▶ [PROBLEM] From the top of the entries below through the line containing "#168=IFCINDEXEDPOLYGONALFACE((1,2,4,3));", return every line exactly as written, please, and stop there.

··· RECORDS SHOWN ···

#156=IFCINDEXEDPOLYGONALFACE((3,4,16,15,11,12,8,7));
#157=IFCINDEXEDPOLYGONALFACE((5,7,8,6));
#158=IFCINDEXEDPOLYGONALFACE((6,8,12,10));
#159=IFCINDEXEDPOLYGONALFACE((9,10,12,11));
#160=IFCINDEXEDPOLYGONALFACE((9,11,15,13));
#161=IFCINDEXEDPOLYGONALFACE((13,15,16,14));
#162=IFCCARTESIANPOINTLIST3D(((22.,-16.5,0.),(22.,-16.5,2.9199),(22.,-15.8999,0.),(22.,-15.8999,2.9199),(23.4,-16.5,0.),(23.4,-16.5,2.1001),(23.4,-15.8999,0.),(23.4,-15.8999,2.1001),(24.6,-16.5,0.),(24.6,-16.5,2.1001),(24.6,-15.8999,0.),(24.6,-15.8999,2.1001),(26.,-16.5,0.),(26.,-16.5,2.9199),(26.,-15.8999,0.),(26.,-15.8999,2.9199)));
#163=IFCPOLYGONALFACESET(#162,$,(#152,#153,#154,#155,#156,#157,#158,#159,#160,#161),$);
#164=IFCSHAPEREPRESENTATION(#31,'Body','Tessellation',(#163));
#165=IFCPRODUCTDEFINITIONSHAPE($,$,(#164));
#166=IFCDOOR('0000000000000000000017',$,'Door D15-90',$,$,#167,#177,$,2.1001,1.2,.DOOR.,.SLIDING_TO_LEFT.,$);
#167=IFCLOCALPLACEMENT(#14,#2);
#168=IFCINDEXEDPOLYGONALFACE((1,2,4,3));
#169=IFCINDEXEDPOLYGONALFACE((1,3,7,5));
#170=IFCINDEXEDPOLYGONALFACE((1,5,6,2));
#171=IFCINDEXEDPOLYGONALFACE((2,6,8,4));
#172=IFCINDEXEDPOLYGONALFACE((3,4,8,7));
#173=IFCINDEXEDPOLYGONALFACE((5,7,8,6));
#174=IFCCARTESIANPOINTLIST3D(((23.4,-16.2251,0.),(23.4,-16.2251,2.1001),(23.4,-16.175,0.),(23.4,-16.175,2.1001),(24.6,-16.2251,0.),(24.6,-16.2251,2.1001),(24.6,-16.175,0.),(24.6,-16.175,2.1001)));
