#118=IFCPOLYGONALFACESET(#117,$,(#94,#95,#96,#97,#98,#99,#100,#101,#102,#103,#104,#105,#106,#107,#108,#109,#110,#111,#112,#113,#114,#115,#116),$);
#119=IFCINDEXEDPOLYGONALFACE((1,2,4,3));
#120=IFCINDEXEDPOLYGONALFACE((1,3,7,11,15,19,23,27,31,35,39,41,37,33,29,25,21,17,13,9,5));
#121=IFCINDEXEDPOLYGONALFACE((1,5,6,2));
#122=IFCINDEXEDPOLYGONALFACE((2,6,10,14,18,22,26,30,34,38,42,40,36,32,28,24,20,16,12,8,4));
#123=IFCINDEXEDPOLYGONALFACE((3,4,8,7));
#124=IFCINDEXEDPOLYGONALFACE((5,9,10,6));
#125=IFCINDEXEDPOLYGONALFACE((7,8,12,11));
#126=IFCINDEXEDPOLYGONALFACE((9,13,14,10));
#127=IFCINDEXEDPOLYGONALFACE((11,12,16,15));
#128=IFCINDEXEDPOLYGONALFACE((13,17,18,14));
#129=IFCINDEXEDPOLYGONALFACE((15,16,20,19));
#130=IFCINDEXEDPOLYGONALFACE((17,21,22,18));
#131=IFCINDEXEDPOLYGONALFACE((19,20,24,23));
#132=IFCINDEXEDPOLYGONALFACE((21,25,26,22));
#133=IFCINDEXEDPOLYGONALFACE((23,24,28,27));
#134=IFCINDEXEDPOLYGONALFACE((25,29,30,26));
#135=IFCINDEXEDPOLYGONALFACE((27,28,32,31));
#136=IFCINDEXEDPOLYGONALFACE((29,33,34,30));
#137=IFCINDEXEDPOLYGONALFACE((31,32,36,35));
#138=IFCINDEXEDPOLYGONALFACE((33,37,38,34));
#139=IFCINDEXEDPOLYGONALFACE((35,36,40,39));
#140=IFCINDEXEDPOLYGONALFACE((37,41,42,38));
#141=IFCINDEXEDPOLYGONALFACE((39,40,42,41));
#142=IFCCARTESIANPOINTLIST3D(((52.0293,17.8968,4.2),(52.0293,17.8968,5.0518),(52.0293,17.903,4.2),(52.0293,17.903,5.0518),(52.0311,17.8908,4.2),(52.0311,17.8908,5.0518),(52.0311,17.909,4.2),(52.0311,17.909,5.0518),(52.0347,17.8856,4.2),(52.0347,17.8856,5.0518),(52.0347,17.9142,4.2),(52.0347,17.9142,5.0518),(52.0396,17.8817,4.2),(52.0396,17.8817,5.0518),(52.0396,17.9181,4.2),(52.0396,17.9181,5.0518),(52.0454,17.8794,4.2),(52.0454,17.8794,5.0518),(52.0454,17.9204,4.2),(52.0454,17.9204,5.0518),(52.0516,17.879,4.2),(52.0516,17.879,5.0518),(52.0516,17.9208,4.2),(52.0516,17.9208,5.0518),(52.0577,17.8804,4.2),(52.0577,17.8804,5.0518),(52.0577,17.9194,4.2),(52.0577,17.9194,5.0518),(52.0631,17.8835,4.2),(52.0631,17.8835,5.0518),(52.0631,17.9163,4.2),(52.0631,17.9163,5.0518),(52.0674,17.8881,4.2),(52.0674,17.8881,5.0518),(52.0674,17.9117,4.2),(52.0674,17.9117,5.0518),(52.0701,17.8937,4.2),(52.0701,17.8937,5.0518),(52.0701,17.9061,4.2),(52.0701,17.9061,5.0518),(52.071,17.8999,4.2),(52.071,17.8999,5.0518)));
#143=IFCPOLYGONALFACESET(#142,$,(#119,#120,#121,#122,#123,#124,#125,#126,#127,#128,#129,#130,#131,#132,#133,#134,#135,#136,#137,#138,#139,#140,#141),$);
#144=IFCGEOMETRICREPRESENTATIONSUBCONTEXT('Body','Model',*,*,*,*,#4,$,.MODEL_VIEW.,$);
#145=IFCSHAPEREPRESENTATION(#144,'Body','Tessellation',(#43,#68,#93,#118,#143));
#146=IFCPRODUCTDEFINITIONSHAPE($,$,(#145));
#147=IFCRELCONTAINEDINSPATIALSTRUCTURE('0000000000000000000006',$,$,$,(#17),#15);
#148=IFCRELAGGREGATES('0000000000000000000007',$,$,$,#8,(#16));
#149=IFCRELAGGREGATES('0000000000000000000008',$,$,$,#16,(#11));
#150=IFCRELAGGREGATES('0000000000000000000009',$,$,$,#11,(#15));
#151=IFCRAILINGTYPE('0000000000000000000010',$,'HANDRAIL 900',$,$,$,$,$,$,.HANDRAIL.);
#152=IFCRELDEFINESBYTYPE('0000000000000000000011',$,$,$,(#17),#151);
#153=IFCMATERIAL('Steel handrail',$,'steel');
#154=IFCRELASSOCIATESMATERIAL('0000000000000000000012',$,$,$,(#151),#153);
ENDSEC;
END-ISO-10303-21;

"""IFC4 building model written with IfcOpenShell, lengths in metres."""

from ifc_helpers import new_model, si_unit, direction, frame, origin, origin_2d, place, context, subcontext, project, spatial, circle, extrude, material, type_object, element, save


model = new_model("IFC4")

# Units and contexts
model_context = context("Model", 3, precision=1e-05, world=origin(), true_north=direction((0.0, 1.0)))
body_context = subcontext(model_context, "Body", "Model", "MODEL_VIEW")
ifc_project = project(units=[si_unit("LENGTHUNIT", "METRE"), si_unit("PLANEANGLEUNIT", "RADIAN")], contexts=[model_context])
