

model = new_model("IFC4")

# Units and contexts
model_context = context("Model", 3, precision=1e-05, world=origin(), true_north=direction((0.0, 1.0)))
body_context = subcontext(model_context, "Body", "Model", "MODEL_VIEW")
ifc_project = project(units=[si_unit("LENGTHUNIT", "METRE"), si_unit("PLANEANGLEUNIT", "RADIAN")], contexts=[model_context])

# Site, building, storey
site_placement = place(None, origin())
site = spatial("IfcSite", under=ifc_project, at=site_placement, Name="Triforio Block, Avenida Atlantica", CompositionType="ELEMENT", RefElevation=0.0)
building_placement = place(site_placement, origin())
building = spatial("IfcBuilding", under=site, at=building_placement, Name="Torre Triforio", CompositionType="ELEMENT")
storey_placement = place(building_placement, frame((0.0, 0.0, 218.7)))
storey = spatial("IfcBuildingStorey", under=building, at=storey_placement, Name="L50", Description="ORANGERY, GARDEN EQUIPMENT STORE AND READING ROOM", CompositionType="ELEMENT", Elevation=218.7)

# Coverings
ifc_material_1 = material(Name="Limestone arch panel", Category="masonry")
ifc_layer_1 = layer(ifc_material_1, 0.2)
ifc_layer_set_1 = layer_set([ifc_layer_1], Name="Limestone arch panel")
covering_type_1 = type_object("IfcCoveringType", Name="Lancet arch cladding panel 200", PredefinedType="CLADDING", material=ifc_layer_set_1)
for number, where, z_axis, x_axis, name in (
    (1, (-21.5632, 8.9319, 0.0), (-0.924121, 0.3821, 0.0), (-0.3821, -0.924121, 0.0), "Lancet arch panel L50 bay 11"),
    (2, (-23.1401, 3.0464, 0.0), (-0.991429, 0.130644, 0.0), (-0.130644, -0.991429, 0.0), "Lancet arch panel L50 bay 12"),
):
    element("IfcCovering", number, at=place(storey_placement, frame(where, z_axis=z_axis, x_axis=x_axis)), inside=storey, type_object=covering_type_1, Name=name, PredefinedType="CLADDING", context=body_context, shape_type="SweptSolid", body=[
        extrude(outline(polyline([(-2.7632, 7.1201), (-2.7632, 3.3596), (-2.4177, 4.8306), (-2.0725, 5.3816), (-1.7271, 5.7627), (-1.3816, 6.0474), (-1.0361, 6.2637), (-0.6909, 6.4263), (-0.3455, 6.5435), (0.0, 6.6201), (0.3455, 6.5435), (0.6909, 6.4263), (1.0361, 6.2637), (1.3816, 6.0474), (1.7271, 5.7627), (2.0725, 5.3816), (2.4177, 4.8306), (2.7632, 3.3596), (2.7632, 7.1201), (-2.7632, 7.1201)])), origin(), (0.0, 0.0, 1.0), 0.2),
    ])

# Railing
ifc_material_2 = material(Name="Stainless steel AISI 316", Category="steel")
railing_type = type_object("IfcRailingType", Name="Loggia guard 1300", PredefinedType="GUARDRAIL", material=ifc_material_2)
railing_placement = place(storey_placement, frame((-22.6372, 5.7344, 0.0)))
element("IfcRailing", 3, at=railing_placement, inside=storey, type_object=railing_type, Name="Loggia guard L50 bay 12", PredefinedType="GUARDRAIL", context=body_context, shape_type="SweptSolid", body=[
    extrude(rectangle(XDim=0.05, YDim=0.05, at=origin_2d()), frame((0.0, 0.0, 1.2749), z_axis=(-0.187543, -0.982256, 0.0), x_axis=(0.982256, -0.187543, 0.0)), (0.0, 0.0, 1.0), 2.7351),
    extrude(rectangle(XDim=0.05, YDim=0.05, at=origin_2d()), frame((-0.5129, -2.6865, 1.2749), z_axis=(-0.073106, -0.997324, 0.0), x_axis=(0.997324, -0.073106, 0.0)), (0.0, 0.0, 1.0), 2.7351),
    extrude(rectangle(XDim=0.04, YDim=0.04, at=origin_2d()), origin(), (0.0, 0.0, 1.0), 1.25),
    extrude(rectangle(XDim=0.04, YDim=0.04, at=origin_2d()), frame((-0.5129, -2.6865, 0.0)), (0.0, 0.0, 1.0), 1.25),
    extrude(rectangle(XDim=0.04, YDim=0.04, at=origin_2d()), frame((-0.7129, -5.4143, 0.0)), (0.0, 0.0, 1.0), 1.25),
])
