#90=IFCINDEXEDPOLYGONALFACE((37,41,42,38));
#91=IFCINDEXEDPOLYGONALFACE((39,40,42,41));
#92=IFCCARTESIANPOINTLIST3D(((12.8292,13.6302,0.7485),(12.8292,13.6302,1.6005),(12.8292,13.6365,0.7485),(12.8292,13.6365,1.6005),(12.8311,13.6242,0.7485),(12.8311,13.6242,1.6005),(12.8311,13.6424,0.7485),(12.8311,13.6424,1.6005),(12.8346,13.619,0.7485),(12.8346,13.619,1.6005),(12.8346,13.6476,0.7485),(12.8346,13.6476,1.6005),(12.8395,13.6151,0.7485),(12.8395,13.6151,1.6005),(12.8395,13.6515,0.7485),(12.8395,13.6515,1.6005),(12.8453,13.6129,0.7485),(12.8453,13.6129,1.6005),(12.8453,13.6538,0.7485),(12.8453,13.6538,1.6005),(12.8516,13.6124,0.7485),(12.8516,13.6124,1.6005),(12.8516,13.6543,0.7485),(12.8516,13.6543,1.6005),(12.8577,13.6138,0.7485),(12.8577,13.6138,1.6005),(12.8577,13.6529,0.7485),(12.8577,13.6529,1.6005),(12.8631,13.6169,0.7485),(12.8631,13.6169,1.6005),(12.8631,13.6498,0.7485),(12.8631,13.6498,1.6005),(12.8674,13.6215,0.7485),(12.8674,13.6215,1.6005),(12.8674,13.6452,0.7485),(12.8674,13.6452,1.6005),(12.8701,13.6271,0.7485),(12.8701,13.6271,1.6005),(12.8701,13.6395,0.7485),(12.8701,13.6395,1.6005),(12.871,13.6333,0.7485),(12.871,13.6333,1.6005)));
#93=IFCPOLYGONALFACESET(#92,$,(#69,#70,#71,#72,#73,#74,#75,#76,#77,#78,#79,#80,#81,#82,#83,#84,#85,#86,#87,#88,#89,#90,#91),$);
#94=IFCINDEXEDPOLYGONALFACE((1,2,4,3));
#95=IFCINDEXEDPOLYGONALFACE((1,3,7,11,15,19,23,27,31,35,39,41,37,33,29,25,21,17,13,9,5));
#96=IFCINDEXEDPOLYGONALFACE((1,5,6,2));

···

▶ [EXPECTED ANSWER]
#156=IFCINDEXEDPOLYGONALFACE((3,4,16,15,11,12,8,7));
#157=IFCINDEXEDPOLYGONALFACE((5,7,8,6));
#158=IFCINDEXEDPOLYGONALFACE((6,8,12,10));
#159=IFCINDEXEDPOLYGONALFACE((9,10,12,11));
#160=IFCINDEXEDPOLYGONALFACE((9,11,15,13));
#161=IFCINDEXEDPOLYGONALFACE((13,15,16,14));
#162=IFCCARTESIANPOINTLIST3D(((22.,-16.5,0.),(22.,-16.5,2.9199),(22.,-15.8999,0.),(22.,-15.8999,2.9199),(23.4,-16.5,0.),(23.4,-16.5,2.1001),(23.4,-15.8999,0.),(23.4,-15.8999,2.1001),(24.6,-16.5,0.),(24.6,-16.5,2.1001),(24.6,-15.8999,0.),(24.6,-15.8999,2.1001),(26.,-16.5,0.),(26.,-16.5,2.9199),(26.,-15.8999,0.),(26.,-15.8999,2.9199)));
#163=IFCPOLYGONALFACESET(#162,$,(#152,#153,#154,#155,#156,#157,#158,#159,#160,#161),$);
#164=IFCSHAPEREPRESENTATION(#31,'Body','Tessellation',(#163));
#165=IFCPRODUCTDEFINITIONSHAPE($,$,(#164));
#166=IFCDOOR('0000000000000000000017',$,'Door D15-90',$,$,#167,#177,$,2.1001,1.2,.DOOR.,.SLIDING_TO_LEFT.,$);
#167=IFCLOCALPLACEMENT(#14,#2);
#168=IFCINDEXEDPOLYGONALFACE((1,2,4,3));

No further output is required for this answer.